--- START ---
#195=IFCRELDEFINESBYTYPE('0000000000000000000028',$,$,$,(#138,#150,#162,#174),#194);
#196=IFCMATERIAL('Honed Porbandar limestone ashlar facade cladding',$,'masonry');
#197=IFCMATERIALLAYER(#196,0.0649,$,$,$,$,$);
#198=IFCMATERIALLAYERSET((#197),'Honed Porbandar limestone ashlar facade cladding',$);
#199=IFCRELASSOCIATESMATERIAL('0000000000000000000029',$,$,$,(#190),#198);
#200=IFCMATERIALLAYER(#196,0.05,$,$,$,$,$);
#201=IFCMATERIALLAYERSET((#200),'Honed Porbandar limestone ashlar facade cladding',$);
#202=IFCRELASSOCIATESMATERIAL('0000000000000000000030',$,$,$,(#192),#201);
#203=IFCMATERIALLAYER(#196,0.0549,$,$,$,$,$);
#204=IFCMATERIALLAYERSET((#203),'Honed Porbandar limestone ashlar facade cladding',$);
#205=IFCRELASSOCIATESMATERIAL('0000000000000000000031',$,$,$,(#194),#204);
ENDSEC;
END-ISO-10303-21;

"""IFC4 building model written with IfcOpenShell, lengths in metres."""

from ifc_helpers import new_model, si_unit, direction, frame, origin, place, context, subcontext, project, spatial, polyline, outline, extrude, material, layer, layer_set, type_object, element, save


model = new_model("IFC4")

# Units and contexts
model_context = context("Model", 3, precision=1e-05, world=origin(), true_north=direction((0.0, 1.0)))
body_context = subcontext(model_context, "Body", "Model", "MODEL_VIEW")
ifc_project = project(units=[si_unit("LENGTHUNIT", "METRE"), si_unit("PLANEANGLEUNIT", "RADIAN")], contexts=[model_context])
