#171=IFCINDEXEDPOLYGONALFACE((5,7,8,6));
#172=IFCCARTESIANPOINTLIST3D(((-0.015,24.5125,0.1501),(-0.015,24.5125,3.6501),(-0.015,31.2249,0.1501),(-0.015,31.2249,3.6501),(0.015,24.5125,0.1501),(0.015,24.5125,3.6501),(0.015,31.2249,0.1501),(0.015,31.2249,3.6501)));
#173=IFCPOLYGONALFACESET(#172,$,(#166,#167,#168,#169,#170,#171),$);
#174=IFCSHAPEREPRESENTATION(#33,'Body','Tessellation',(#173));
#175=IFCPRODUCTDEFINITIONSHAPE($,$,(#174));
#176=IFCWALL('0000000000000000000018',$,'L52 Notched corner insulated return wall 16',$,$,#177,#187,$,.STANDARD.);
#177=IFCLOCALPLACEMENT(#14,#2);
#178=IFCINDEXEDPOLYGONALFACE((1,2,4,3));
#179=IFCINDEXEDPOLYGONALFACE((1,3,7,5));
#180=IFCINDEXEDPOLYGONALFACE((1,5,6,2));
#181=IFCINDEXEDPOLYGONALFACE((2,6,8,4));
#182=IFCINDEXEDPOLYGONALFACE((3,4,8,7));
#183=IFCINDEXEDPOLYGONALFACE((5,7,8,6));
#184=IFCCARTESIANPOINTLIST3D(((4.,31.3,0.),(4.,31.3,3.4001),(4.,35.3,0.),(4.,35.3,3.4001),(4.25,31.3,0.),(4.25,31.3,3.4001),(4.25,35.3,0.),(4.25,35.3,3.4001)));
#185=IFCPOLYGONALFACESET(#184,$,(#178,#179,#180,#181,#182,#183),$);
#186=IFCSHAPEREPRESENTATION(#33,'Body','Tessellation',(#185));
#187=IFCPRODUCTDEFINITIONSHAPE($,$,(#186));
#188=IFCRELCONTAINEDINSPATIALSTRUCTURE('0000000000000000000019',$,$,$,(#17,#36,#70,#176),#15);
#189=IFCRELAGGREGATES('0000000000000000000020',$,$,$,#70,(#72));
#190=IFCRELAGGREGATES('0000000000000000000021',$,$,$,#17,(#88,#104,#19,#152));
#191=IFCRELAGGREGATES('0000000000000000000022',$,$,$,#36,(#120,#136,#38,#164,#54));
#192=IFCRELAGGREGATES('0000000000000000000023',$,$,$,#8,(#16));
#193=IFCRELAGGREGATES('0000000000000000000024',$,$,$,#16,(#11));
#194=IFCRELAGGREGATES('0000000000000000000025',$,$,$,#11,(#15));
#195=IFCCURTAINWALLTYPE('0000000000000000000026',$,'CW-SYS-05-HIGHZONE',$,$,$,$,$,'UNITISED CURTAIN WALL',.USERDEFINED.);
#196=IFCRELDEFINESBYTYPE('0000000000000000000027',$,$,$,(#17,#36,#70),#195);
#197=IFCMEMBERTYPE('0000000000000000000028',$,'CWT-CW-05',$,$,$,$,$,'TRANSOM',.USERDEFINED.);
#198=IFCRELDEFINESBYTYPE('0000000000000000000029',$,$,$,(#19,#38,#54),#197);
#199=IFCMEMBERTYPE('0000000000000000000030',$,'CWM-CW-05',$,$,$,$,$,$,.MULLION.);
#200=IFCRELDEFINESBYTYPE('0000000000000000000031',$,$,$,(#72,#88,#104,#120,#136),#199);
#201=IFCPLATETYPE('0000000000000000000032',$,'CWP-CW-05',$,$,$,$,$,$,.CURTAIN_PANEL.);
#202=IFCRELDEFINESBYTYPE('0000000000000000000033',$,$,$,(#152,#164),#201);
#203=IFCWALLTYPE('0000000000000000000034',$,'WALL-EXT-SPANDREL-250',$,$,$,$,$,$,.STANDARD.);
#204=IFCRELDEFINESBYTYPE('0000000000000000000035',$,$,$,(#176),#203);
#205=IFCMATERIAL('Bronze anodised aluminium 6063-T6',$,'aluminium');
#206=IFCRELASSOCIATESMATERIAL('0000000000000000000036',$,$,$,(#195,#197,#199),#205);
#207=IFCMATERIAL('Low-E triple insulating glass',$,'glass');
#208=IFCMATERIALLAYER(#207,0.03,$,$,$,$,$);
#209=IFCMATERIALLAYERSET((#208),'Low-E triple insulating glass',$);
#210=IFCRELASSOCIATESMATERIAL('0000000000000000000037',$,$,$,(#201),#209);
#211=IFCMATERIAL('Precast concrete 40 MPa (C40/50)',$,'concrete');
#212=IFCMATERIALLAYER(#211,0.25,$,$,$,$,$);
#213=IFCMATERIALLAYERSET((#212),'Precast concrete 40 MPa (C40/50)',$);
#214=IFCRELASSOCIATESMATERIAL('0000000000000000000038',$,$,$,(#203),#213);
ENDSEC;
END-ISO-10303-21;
--- END ---
TASK DIRECTIONS :: Return the material in full, exactly as shown.

SOLUTION TO THIS PROBLEM ::
#195=IFCRELDEFINESBYTYPE('0000000000000000000028',$,$,$,(#138,#150,#162,#174),#194);
#196=IFCMATERIAL('Honed Porbandar limestone ashlar facade cladding',$,'masonry');
#197=IFCMATERIALLAYER(#196,0.0649,$,$,$,$,$);
#198=IFCMATERIALLAYERSET((#197),'Honed Porbandar limestone ashlar facade cladding',$);
#199=IFCRELASSOCIATESMATERIAL('0000000000000000000029',$,$,$,(#190),#198);
#200=IFCMATERIALLAYER(#196,0.05,$,$,$,$,$);
#201=IFCMATERIALLAYERSET((#200),'Honed Porbandar limestone ashlar facade cladding',$);
#202=IFCRELASSOCIATESMATERIAL('0000000000000000000030',$,$,$,(#192),#201);
#203=IFCMATERIALLAYER(#196,0.0549,$,$,$,$,$);
#204=IFCMATERIALLAYERSET((#203),'Honed Porbandar limestone ashlar facade cladding',$);
#205=IFCRELASSOCIATESMATERIAL('0000000000000000000031',$,$,$,(#194),#204);
ENDSEC;
END-ISO-10303-21;

"""IFC4 building model written with IfcOpenShell, lengths in metres."""

from ifc_helpers import new_model, si_unit, direction, frame, origin, place, context, subcontext, project, spatial, polyline, outline, extrude, material, layer, layer_set, type_object, element, save


model = new_model("IFC4")

# Units and contexts
model_context = context("Model", 3, precision=1e-05, world=origin(), true_north=direction((0.0, 1.0)))
body_context = subcontext(model_context, "Body", "Model", "MODEL_VIEW")
ifc_project = project(units=[si_unit("LENGTHUNIT", "METRE"), si_unit("PLANEANGLEUNIT", "RADIAN")], contexts=[model_context])
#171=IFCINDEXEDPOLYGONALFACE((5,7,8,6));
#172=IFCCARTESIANPOINTLIST3D(((-0.015,24.5125,0.1501),(-0.015,24.5125,3.6501),(-0.015,31.2249,0.1501),(-0.015,31.2249,3.6501),(0.015,24.5125,0.1501),(0.015,24.5125,3.6501),(0.015,31.2249,0.1501),(0.015,31.2249,3.6501)));
#173=IFCPOLYGONALFACESET(#172,$,(#166,#167,#168,#169,#170,#171),$);
#174=IFCSHAPEREPRESENTATION(#33,'Body','Tessellation',(#173));
#175=IFCPRODUCTDEFINITIONSHAPE($,$,(#174));
#176=IFCWALL('0000000000000000000018',$,'L52 Notched corner insulated return wall 16',$,$,#177,#187,$,.STANDARD.);
#177=IFCLOCALPLACEMENT(#14,#2);
#178=IFCINDEXEDPOLYGONALFACE((1,2,4,3));
#179=IFCINDEXEDPOLYGONALFACE((1,3,7,5));
#180=IFCINDEXEDPOLYGONALFACE((1,5,6,2));
#181=IFCINDEXEDPOLYGONALFACE((2,6,8,4));
#182=IFCINDEXEDPOLYGONALFACE((3,4,8,7));
#183=IFCINDEXEDPOLYGONALFACE((5,7,8,6));
#184=IFCCARTESIANPOINTLIST3D(((4.,31.3,0.),(4.,31.3,3.4001),(4.,35.3,0.),(4.,35.3,3.4001),(4.25,31.3,0.),(4.25,31.3,3.4001),(4.25,35.3,0.),(4.25,35.3,3.4001)));
#185=IFCPOLYGONALFACESET(#184,$,(#178,#179,#180,#181,#182,#183),$);
#186=IFCSHAPEREPRESENTATION(#33,'Body','Tessellation',(#185));
#187=IFCPRODUCTDEFINITIONSHAPE($,$,(#186));
#188=IFCRELCONTAINEDINSPATIALSTRUCTURE('0000000000000000000019',$,$,$,(#17,#36,#70,#176),#15);
#189=IFCRELAGGREGATES('0000000000000000000020',$,$,$,#70,(#72));
#190=IFCRELAGGREGATES('0000000000000000000021',$,$,$,#17,(#88,#104,#19,#152));
#191=IFCRELAGGREGATES('0000000000000000000022',$,$,$,#36,(#120,#136,#38,#164,#54));
#192=IFCRELAGGREGATES('0000000000000000000023',$,$,$,#8,(#16));
#193=IFCRELAGGREGATES('0000000000000000000024',$,$,$,#16,(#11));
#194=IFCRELAGGREGATES('0000000000000000000025',$,$,$,#11,(#15));
#195=IFCCURTAINWALLTYPE('0000000000000000000026',$,'CW-SYS-05-HIGHZONE',$,$,$,$,$,'UNITISED CURTAIN WALL',.USERDEFINED.);
#196=IFCRELDEFINESBYTYPE('0000000000000000000027',$,$,$,(#17,#36,#70),#195);
#197=IFCMEMBERTYPE('0000000000000000000028',$,'CWT-CW-05',$,$,$,$,$,'TRANSOM',.USERDEFINED.);
#198=IFCRELDEFINESBYTYPE('0000000000000000000029',$,$,$,(#19,#38,#54),#197);
#199=IFCMEMBERTYPE('0000000000000000000030',$,'CWM-CW-05',$,$,$,$,$,$,.MULLION.);
#200=IFCRELDEFINESBYTYPE('0000000000000000000031',$,$,$,(#72,#88,#104,#120,#136),#199);
#201=IFCPLATETYPE('0000000000000000000032',$,'CWP-CW-05',$,$,$,$,$,$,.CURTAIN_PANEL.);
#202=IFCRELDEFINESBYTYPE('0000000000000000000033',$,$,$,(#152,#164),#201);
#203=IFCWALLTYPE('0000000000000000000034',$,'WALL-EXT-SPANDREL-250',$,$,$,$,$,$,.STANDARD.);
#204=IFCRELDEFINESBYTYPE('0000000000000000000035',$,$,$,(#176),#203);
#205=IFCMATERIAL('Bronze anodised aluminium 6063-T6',$,'aluminium');
#206=IFCRELASSOCIATESMATERIAL('0000000000000000000036',$,$,$,(#195,#197,#199),#205);
#207=IFCMATERIAL('Low-E triple insulating glass',$,'glass');
#208=IFCMATERIALLAYER(#207,0.03,$,$,$,$,$);
#209=IFCMATERIALLAYERSET((#208),'Low-E triple insulating glass',$);
#210=IFCRELASSOCIATESMATERIAL('0000000000000000000037',$,$,$,(#201),#209);
#211=IFCMATERIAL('Precast concrete 40 MPa (C40/50)',$,'concrete');
#212=IFCMATERIALLAYER(#211,0.25,$,$,$,$,$);
#213=IFCMATERIALLAYERSET((#212),'Precast concrete 40 MPa (C40/50)',$);
#214=IFCRELASSOCIATESMATERIAL('0000000000000000000038',$,$,$,(#203),#213);
ENDSEC;
END-ISO-10303-21;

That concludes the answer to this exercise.